Exercise instructions: Where the word "IFCRELCONTAINEDINSPATIALSTRUCTURE" occurs in a line of the listing, please copy the line.

Source information:
*** Begin section ***

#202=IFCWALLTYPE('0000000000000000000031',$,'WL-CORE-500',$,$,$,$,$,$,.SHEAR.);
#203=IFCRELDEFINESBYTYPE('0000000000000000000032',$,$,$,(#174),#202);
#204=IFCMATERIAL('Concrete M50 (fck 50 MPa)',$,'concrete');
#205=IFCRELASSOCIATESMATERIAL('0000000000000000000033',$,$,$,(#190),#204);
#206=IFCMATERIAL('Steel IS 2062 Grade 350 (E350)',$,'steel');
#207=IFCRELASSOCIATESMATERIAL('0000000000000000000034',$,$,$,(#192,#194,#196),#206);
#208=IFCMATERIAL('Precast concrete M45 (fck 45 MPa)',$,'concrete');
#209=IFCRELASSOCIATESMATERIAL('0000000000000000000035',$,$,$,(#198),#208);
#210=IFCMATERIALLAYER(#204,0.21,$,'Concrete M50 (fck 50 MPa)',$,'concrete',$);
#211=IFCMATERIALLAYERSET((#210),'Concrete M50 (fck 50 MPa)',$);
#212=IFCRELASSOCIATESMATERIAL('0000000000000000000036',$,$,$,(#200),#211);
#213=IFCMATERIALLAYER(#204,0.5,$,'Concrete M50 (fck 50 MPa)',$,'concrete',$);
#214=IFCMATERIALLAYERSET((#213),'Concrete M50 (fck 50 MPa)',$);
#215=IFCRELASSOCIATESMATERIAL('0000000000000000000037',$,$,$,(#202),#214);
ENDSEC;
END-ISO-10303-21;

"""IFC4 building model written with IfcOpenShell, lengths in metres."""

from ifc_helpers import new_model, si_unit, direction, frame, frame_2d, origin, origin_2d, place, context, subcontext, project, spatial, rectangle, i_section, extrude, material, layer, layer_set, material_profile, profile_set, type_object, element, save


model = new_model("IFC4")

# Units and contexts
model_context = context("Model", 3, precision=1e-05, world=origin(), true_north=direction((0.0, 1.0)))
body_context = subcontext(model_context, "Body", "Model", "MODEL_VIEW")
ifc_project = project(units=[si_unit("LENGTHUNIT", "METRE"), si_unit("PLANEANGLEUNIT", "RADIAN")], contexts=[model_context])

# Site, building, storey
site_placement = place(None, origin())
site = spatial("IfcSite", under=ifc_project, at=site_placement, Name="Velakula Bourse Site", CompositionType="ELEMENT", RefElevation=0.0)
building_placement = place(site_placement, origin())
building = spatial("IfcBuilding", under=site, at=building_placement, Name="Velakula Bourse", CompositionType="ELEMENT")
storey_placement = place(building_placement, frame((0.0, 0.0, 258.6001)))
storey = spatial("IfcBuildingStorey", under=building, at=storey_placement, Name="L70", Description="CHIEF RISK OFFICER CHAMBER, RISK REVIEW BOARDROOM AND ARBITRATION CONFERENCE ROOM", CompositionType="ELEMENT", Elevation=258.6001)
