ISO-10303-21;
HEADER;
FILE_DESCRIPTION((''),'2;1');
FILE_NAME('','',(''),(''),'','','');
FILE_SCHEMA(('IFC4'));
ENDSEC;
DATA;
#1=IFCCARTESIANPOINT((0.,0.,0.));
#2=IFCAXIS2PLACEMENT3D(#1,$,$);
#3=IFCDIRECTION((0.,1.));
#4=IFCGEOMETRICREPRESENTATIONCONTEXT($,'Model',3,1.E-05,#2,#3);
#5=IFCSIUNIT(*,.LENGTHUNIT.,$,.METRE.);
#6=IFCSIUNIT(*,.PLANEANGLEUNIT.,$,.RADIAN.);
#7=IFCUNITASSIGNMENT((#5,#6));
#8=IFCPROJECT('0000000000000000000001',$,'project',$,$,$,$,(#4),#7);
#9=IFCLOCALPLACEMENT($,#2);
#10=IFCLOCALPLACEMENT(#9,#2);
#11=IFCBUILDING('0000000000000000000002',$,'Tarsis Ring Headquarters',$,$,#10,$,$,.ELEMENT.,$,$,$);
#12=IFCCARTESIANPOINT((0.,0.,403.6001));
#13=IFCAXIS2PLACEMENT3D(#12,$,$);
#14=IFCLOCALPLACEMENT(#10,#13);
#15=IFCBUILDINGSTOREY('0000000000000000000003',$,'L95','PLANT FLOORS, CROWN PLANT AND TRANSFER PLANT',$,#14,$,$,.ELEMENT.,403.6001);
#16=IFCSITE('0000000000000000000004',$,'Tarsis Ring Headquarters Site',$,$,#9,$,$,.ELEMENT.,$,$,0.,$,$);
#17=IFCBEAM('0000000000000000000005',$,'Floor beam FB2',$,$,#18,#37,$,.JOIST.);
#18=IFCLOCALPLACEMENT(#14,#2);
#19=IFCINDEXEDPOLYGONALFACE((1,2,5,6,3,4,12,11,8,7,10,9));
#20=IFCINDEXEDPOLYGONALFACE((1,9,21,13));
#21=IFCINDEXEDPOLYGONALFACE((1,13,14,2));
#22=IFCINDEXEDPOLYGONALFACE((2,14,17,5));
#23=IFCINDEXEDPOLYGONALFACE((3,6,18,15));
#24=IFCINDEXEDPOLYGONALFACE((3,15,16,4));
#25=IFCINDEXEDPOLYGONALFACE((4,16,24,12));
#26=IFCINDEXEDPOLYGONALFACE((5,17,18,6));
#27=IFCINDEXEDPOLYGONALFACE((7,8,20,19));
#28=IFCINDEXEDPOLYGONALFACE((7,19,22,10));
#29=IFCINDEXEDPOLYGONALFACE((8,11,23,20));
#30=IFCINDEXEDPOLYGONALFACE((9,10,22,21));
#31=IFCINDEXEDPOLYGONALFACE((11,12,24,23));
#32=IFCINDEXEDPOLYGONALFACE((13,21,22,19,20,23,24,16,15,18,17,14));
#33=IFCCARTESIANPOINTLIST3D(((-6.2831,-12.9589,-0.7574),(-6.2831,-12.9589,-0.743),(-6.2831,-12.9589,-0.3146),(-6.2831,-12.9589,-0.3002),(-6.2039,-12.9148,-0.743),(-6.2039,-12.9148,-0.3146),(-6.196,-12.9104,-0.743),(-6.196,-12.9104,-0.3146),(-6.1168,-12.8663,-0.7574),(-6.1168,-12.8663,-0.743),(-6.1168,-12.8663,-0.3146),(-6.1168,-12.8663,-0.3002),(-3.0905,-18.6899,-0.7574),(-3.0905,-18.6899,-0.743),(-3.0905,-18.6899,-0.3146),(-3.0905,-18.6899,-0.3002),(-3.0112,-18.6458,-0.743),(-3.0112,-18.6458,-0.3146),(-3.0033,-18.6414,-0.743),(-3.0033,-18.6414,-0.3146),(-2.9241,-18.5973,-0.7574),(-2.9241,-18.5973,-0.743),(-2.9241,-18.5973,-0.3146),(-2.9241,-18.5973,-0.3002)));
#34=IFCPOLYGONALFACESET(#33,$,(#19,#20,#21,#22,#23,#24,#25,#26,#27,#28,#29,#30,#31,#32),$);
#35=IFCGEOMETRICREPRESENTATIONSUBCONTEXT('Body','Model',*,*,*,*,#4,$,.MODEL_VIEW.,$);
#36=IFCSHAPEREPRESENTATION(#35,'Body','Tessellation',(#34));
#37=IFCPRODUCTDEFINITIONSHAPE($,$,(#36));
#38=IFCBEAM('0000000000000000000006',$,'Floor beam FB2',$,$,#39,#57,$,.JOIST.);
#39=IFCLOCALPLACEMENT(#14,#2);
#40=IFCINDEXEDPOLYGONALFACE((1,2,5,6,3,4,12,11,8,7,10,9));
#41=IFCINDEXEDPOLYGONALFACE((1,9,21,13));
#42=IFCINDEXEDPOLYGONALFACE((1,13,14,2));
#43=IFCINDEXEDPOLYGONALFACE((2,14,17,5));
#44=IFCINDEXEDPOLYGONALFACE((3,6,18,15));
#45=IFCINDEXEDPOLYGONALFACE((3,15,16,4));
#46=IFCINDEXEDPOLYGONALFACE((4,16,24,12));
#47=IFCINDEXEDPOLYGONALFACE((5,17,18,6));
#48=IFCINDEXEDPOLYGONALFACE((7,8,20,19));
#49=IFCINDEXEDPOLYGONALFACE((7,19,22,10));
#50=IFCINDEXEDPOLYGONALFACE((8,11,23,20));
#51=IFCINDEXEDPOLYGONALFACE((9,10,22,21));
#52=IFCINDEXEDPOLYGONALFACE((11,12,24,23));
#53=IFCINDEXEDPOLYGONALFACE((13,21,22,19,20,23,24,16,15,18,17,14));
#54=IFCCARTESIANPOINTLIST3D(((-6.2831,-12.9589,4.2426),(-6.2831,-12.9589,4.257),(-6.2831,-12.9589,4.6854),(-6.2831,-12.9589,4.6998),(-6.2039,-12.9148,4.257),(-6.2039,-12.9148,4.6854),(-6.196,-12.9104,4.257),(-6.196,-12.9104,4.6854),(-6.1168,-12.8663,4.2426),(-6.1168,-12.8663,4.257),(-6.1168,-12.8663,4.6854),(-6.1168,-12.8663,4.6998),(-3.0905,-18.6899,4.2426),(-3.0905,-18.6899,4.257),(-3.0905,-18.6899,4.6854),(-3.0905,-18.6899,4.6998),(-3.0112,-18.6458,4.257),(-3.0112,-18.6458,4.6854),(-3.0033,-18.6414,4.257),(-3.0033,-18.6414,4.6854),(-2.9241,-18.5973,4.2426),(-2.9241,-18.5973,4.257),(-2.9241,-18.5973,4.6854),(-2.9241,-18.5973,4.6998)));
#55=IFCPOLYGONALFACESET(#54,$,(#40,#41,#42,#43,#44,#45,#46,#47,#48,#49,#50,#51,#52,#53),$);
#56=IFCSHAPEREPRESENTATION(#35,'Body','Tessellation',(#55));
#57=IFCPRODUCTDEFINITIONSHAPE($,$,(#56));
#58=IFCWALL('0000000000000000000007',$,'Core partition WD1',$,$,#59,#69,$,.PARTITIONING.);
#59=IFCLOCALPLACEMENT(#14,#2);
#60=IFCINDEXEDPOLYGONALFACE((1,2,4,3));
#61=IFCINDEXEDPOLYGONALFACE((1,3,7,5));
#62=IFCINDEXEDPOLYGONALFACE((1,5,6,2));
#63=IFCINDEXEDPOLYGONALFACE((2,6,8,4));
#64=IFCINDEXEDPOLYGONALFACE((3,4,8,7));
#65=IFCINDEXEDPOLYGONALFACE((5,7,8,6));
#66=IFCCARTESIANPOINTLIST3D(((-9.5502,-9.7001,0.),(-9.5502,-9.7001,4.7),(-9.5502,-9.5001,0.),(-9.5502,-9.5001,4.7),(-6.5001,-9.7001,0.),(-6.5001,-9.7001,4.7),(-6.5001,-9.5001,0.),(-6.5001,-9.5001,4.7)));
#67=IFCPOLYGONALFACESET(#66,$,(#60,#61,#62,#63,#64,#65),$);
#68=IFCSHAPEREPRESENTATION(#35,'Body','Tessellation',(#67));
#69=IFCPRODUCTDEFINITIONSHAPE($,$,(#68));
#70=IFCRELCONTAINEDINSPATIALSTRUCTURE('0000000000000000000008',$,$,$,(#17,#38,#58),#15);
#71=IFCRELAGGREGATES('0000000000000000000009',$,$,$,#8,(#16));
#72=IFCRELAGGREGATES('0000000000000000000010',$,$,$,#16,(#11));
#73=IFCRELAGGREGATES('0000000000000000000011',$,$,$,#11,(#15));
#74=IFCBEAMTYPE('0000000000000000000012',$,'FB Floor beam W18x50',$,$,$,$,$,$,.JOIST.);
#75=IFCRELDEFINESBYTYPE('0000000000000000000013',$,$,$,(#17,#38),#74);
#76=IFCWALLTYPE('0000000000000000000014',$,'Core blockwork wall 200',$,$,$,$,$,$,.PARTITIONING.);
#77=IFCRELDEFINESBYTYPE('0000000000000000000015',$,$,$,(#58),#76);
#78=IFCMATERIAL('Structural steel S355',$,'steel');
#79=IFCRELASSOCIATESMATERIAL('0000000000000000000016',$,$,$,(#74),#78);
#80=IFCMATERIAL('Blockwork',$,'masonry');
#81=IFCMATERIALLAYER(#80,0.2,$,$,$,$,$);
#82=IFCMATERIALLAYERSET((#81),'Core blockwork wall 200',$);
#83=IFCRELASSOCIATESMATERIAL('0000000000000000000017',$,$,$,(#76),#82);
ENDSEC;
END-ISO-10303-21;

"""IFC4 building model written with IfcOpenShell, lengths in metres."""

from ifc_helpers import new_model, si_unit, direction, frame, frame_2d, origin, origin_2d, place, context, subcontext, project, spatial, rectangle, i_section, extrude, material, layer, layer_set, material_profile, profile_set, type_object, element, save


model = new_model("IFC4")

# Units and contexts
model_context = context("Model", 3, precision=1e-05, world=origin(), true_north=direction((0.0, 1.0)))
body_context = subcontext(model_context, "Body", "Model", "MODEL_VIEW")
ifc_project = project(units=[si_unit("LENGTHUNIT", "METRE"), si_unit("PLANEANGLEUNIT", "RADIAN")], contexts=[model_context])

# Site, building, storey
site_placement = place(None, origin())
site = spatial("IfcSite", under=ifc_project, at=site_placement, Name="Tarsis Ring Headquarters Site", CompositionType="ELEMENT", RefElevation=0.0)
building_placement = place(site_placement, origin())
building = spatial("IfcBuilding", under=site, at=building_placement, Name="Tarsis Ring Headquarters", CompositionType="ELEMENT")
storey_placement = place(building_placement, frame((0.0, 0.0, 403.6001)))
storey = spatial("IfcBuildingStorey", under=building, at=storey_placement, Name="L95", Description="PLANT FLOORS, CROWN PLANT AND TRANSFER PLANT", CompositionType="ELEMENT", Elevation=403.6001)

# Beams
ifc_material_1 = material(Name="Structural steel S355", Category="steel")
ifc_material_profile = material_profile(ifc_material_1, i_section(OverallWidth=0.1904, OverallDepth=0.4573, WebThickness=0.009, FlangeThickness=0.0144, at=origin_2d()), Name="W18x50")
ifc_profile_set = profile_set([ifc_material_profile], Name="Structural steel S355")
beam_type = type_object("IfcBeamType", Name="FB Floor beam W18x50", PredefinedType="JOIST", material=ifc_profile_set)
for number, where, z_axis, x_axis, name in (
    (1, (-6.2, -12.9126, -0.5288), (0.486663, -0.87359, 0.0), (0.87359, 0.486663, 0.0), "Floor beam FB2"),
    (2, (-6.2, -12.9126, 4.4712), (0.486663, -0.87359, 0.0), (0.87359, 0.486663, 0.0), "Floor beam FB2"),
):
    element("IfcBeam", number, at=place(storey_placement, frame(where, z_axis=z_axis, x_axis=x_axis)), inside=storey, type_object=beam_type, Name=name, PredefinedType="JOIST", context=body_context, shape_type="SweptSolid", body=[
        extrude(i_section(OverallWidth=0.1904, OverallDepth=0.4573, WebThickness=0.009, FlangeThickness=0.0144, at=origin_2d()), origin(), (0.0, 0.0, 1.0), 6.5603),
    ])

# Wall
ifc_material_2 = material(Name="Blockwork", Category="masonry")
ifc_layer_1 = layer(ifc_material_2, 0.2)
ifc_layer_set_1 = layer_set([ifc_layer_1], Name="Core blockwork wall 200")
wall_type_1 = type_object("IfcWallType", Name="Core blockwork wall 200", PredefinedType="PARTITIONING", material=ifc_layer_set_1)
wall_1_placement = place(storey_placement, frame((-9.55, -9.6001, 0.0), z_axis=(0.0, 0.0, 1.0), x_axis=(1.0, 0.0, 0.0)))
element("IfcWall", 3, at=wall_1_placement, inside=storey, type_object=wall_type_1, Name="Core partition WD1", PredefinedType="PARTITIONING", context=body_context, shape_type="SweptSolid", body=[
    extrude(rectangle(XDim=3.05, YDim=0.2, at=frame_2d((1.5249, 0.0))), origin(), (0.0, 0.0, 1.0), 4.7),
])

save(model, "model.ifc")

*** End section ***
*** Begin section ***

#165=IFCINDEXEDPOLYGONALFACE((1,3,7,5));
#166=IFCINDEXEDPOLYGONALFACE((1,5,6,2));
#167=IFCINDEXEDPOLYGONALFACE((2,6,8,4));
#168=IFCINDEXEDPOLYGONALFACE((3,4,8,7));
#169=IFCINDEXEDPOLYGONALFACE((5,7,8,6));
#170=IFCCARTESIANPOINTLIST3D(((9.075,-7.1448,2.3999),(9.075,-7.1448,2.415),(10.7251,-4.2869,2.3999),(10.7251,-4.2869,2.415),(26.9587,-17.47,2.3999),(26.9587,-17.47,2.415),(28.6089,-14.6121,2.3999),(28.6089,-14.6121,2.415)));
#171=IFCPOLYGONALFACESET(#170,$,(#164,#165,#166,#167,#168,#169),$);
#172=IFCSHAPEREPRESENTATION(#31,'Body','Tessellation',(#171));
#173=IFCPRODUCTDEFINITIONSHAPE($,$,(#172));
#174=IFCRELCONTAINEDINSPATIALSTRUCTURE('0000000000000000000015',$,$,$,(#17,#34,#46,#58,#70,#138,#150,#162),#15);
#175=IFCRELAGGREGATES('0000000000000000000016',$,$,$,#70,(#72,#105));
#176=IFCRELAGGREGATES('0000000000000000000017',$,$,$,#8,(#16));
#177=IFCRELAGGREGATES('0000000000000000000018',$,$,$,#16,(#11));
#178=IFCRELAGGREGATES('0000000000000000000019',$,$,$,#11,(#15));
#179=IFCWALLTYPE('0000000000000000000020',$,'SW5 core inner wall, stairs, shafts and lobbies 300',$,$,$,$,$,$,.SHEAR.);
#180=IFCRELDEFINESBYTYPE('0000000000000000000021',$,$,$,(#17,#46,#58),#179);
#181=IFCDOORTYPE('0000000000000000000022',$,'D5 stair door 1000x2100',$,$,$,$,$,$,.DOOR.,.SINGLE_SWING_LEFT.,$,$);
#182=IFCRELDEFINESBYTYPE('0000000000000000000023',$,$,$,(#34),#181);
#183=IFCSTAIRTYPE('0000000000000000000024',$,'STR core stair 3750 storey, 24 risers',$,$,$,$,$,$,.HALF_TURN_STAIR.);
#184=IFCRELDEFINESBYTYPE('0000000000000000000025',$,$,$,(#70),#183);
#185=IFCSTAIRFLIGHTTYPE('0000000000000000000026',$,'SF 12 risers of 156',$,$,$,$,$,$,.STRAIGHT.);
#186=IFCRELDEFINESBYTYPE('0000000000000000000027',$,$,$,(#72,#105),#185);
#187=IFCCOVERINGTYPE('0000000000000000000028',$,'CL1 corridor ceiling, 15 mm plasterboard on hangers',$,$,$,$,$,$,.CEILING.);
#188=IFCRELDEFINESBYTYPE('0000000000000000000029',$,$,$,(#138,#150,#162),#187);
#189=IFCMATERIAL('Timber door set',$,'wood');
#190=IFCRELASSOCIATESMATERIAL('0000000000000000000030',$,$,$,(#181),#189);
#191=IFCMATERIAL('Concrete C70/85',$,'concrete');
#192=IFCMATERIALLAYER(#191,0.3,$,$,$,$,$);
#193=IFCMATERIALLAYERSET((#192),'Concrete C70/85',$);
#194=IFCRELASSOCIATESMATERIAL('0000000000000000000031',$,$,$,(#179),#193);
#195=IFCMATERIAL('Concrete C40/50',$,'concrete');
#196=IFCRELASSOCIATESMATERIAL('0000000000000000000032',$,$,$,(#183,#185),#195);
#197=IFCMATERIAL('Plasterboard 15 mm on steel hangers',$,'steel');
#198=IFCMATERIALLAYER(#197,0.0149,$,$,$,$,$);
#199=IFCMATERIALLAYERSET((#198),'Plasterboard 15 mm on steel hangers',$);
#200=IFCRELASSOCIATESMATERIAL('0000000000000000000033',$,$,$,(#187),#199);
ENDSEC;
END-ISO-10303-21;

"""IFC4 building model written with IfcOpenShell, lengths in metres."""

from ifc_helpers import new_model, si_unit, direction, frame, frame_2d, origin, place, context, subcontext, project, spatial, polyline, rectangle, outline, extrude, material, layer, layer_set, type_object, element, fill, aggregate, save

*** End section ***
*** Begin section ***

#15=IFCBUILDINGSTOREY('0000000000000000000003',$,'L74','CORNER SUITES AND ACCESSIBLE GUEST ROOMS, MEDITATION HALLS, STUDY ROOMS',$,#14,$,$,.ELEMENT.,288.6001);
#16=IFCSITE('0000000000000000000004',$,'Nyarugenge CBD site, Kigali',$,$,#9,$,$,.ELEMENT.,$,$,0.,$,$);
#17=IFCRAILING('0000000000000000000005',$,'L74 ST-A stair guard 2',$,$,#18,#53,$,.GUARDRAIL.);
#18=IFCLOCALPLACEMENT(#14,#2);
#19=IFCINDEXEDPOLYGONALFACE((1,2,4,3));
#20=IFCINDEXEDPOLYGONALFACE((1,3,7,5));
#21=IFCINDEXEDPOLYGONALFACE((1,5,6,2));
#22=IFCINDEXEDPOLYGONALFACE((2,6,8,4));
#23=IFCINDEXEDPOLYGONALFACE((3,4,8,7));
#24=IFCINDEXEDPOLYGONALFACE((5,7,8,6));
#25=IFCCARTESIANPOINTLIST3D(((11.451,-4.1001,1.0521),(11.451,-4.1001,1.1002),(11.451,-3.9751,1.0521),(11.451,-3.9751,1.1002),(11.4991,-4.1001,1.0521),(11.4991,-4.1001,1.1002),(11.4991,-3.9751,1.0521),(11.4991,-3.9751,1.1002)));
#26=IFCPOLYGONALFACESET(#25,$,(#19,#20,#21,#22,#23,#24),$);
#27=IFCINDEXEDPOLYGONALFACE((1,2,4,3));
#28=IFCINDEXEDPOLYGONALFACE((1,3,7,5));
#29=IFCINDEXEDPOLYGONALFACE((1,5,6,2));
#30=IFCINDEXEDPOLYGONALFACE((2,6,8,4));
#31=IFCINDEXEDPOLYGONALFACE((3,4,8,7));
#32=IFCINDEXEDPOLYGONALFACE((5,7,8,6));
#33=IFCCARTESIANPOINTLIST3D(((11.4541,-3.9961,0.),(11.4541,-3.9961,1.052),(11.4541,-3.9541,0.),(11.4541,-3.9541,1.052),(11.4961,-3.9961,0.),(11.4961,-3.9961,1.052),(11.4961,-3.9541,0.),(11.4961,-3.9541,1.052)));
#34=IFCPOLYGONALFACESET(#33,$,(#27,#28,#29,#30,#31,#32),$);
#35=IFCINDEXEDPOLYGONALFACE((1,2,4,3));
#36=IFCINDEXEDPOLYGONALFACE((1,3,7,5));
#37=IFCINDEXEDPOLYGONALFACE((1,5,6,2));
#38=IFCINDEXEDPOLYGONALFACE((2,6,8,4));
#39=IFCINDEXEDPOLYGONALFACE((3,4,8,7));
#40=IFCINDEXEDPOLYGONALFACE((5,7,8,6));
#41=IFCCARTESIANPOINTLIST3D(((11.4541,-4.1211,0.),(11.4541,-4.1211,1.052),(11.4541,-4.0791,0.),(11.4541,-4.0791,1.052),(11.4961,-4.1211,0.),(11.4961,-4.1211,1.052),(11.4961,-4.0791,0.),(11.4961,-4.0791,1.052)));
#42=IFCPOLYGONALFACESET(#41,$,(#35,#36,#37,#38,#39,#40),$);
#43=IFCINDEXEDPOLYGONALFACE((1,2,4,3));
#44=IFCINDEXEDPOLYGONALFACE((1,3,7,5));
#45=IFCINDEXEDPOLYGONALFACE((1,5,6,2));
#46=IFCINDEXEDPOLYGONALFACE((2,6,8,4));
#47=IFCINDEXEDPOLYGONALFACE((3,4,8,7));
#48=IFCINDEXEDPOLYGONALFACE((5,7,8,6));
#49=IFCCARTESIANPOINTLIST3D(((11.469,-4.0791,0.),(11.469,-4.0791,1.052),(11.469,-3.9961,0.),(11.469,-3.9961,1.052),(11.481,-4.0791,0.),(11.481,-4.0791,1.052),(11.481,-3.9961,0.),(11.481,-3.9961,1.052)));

*** End section ***

Reply:
#70=IFCRELCONTAINEDINSPATIALSTRUCTURE('0000000000000000000008',$,$,$,(#17,#38,#58),#15);
#174=IFCRELCONTAINEDINSPATIALSTRUCTURE('0000000000000000000015',$,$,$,(#17,#34,#46,#58,#70,#138,#150,#162),#15);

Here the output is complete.